──────── Supplied records

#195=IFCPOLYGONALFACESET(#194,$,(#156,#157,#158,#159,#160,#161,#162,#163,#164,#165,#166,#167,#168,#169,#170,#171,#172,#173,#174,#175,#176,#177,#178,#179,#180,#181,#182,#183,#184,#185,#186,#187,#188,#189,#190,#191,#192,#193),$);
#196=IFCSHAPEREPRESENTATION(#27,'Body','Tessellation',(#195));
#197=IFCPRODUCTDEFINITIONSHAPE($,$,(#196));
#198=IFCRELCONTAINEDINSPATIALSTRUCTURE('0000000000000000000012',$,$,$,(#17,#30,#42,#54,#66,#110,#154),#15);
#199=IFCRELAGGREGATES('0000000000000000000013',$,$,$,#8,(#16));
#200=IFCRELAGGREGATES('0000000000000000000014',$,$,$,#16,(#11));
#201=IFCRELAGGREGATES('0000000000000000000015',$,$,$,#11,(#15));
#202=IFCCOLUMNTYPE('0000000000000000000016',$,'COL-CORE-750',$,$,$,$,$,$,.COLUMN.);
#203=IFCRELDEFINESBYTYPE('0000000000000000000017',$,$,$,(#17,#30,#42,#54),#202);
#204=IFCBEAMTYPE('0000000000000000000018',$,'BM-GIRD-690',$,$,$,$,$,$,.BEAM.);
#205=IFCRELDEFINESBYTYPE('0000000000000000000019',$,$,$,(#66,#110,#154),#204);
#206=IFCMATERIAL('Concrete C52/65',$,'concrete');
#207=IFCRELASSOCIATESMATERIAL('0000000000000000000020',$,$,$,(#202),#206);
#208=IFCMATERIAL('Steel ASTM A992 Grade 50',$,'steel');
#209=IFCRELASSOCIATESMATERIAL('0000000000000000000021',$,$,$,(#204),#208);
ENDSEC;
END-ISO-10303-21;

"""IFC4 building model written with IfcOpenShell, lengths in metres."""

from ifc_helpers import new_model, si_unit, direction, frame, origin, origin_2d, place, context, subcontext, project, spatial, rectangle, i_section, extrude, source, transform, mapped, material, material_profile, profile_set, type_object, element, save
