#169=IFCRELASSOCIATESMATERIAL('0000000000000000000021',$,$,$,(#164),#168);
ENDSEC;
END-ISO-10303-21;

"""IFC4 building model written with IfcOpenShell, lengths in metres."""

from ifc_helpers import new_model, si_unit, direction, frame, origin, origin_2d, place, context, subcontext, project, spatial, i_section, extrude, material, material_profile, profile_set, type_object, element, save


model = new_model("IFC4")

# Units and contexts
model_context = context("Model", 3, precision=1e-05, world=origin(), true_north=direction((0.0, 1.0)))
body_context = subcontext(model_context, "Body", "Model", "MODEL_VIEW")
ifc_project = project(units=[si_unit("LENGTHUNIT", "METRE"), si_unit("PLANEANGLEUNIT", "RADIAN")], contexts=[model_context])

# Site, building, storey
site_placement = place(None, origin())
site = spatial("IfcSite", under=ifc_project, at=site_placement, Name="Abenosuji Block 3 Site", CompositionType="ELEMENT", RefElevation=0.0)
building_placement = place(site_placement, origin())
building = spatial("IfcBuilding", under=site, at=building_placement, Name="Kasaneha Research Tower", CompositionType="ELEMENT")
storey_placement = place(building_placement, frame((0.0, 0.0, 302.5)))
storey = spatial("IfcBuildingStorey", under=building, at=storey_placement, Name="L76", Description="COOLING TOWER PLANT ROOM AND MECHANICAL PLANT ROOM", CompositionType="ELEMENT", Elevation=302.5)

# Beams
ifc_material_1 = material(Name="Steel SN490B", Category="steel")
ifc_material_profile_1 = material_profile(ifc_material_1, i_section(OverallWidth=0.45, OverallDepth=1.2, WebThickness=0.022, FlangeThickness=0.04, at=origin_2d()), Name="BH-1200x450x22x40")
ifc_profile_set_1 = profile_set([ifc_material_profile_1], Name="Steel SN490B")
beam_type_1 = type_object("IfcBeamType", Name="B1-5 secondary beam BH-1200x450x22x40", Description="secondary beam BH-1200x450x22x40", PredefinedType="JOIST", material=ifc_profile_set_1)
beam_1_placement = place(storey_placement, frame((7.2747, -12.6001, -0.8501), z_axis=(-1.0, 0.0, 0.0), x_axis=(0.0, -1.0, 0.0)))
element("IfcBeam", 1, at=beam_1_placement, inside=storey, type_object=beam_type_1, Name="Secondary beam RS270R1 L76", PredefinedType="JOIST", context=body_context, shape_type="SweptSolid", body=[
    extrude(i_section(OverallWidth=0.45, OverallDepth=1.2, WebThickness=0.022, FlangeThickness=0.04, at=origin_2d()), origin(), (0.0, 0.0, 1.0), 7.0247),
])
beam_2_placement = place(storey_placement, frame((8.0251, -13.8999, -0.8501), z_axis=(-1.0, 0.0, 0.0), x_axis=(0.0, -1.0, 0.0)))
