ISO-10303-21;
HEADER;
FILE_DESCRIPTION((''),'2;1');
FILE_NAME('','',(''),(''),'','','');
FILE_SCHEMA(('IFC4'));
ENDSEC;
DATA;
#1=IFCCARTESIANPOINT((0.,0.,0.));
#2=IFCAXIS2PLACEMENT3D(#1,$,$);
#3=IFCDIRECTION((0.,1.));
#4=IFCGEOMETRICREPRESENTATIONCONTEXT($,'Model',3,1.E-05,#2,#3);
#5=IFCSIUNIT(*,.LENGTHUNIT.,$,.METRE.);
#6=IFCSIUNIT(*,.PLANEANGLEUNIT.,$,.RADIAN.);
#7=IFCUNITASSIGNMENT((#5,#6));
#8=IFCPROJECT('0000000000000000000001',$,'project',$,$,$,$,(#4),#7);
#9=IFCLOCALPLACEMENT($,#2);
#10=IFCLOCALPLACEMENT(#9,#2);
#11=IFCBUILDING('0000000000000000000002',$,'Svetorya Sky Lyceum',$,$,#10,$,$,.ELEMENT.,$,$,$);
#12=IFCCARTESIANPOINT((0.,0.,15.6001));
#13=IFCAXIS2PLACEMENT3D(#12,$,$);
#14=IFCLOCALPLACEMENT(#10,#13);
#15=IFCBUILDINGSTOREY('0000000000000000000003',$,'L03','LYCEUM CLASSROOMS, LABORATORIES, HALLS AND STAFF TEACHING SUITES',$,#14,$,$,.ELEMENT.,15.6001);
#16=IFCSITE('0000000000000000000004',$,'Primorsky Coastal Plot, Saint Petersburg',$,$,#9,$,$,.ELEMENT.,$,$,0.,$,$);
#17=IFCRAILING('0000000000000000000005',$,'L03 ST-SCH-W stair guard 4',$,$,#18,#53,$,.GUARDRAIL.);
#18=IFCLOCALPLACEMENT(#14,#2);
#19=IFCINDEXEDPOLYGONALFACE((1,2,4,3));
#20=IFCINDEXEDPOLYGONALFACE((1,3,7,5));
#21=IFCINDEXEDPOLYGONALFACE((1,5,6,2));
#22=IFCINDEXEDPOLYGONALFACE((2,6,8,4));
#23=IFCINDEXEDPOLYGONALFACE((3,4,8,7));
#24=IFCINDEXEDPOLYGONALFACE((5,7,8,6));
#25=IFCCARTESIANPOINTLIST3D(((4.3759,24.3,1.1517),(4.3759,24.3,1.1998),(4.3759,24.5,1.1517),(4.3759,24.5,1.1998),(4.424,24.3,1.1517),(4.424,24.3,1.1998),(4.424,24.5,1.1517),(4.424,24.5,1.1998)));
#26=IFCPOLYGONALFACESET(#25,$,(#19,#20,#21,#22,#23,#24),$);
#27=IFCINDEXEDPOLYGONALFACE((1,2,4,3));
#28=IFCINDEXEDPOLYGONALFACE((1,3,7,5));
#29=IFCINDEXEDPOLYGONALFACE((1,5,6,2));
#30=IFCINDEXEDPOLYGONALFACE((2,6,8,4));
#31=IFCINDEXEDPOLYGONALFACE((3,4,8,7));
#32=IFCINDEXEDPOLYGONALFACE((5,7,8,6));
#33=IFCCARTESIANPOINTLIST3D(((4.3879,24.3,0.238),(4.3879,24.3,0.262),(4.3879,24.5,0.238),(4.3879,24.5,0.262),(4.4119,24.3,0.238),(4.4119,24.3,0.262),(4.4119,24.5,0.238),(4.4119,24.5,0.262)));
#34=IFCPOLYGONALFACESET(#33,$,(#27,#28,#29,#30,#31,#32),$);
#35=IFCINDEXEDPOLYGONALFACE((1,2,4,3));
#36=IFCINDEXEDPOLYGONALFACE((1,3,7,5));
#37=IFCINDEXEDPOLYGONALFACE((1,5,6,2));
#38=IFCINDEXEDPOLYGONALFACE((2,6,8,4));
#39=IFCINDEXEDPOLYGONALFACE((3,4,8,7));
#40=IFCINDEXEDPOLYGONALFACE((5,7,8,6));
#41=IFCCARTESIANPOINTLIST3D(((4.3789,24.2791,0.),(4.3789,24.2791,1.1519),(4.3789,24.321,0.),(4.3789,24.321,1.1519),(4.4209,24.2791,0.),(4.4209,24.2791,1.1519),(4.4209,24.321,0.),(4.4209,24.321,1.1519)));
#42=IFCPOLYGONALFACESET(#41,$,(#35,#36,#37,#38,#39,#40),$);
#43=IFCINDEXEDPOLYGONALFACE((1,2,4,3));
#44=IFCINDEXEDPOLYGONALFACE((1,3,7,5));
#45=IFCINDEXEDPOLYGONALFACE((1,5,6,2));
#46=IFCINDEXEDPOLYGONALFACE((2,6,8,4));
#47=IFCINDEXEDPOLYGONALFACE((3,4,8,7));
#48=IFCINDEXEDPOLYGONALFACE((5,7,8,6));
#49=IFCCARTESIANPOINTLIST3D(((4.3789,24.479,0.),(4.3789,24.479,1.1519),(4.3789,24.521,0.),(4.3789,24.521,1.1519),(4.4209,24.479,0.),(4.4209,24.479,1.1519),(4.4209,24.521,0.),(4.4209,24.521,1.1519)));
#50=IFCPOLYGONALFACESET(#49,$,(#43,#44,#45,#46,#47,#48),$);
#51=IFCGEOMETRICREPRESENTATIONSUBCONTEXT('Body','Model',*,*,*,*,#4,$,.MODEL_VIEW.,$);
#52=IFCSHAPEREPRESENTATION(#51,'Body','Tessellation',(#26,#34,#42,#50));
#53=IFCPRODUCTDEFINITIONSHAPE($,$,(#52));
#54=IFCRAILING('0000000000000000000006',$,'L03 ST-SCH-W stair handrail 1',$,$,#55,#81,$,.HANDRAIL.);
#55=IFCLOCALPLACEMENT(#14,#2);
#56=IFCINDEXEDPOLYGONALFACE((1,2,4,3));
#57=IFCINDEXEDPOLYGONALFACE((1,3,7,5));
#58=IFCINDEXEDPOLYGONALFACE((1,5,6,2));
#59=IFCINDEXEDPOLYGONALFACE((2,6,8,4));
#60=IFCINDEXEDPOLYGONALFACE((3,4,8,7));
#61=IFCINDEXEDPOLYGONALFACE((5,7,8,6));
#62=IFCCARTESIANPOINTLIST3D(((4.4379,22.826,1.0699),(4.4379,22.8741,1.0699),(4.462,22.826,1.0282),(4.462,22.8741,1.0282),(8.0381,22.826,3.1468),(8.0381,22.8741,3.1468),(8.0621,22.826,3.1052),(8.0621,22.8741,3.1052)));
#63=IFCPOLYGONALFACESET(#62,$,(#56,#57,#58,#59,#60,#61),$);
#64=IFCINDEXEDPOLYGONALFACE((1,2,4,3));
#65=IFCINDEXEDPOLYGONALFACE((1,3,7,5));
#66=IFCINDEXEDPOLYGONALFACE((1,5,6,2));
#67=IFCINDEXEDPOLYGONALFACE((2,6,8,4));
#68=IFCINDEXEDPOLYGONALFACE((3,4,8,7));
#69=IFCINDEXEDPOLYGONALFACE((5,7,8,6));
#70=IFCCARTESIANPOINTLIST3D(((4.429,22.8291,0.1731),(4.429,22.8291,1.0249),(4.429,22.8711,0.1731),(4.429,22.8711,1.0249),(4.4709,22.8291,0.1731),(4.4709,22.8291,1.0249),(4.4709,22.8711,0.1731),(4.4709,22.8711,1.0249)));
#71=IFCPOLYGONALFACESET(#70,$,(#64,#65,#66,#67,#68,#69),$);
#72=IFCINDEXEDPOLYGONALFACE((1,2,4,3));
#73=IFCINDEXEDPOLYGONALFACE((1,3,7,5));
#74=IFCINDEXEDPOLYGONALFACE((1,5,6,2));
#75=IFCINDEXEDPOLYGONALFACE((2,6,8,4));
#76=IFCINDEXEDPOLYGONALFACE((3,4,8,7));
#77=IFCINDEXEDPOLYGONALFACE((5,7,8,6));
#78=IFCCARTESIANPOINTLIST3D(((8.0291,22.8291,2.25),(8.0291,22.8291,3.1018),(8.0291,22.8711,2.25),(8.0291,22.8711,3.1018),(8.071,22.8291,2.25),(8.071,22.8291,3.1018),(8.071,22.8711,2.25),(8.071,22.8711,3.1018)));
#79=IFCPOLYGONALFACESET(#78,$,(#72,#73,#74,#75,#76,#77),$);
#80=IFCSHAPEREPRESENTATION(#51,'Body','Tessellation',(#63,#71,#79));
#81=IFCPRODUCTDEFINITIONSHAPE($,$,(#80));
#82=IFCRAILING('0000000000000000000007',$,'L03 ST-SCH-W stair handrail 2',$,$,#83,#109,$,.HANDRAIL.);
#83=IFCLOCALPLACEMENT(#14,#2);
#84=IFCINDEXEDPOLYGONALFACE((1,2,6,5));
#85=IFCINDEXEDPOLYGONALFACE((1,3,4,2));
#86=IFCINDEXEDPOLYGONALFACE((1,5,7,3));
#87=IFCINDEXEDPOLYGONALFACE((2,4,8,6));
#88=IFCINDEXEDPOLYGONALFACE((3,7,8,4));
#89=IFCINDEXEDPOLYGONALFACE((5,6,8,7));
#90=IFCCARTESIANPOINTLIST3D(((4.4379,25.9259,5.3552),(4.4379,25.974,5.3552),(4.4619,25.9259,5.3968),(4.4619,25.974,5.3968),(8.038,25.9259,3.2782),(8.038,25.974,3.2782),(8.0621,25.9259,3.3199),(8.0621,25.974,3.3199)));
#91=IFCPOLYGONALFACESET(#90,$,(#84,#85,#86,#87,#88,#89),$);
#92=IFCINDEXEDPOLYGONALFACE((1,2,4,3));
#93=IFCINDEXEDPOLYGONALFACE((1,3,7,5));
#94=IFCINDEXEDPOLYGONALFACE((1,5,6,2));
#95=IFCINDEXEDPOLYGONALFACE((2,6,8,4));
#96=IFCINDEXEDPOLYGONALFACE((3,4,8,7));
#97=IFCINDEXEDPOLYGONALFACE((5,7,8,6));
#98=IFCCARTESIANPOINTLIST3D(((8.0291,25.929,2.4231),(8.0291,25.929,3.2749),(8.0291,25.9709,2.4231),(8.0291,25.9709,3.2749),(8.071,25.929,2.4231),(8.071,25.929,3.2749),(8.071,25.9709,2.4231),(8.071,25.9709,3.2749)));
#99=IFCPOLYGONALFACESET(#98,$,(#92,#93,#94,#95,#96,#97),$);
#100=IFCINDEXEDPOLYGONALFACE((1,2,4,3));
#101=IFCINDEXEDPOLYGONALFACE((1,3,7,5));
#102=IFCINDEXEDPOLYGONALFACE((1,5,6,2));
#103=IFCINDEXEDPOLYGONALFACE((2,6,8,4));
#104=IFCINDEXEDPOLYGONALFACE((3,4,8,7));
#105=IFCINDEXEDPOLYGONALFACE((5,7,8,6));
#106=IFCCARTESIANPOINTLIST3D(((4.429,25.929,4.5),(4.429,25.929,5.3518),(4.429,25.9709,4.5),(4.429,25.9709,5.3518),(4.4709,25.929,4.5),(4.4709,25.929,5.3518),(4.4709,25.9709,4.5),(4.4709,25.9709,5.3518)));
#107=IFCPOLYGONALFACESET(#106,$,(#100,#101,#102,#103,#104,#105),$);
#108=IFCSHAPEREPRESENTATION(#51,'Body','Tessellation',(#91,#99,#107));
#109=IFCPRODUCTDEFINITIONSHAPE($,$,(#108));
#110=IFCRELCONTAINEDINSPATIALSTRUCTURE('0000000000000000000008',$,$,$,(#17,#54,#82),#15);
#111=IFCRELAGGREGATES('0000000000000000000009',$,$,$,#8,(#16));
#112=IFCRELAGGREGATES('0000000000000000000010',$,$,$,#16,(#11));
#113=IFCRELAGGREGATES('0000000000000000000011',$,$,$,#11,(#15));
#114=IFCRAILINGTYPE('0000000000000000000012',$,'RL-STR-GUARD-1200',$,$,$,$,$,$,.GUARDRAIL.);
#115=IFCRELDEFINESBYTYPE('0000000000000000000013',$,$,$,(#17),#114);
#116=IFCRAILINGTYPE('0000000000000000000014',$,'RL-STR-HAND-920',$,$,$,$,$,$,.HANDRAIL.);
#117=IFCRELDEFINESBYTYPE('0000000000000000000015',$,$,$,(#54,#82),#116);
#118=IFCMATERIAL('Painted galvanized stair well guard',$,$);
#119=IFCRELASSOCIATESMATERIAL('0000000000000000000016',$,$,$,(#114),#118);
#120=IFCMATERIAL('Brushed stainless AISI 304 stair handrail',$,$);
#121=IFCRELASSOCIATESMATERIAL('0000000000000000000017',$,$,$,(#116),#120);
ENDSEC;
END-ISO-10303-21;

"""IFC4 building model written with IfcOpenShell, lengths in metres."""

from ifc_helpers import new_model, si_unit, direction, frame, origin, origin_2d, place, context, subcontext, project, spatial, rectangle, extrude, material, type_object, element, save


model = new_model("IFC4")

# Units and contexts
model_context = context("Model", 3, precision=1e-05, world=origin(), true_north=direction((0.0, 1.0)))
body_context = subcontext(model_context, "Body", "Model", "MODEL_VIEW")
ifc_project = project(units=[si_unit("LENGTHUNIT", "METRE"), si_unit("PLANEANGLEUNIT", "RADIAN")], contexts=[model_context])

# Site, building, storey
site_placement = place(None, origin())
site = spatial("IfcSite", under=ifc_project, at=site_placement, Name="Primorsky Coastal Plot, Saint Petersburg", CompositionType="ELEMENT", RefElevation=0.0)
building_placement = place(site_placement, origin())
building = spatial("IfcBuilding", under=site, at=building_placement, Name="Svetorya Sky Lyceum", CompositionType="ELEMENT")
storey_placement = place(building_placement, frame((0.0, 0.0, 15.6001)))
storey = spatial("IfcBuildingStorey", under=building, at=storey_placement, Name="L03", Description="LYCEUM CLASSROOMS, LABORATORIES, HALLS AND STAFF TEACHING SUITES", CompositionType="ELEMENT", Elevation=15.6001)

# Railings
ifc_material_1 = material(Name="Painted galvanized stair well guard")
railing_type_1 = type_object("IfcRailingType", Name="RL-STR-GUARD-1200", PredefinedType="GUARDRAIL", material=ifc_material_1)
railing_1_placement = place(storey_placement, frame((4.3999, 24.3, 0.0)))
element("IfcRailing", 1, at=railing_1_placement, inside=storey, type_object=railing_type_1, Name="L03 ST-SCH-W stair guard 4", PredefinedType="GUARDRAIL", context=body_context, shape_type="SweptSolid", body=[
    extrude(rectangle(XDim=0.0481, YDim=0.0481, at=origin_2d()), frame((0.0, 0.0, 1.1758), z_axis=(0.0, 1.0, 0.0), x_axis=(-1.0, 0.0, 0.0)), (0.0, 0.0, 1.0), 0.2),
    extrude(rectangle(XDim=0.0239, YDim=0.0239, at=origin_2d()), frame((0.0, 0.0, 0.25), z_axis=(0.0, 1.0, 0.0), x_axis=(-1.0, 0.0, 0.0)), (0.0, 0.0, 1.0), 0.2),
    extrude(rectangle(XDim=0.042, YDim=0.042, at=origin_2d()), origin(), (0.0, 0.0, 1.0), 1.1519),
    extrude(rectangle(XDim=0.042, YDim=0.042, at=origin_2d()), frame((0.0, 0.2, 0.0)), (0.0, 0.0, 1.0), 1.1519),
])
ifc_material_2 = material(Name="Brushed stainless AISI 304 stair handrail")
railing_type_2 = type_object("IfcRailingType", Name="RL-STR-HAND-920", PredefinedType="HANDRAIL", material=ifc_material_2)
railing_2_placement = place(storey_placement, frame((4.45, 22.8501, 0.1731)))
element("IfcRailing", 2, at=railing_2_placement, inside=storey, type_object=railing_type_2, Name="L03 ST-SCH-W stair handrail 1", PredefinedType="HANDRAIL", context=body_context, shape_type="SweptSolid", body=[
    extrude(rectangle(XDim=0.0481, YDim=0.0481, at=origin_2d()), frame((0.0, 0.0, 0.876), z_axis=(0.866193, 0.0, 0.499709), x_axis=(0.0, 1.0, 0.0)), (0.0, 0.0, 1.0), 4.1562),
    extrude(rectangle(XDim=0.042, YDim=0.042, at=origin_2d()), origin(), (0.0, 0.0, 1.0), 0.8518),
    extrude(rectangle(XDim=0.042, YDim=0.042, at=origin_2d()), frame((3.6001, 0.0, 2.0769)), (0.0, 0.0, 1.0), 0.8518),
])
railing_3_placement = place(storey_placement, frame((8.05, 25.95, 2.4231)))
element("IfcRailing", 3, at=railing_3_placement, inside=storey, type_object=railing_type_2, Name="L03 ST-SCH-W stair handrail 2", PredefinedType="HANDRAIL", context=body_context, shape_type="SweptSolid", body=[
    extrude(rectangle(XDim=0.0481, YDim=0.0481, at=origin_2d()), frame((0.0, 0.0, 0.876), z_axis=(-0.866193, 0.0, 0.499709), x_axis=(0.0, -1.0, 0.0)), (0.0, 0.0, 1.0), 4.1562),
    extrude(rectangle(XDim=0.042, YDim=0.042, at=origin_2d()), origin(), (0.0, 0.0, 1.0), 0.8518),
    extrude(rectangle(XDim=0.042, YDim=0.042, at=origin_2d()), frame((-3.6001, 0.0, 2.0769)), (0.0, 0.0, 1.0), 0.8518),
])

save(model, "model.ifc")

────────────────

All lines in the entries above that hold the word "IFCMATERIAL" need to be copied.

* [Your solution]:
#206=IFCMATERIAL('Concrete C52/65',$,'concrete');
#208=IFCMATERIAL('Steel ASTM A992 Grade 50',$,'steel');
#118=IFCMATERIAL('Painted galvanized stair well guard',$,$);
#120=IFCMATERIAL('Brushed stainless AISI 304 stair handrail',$,$);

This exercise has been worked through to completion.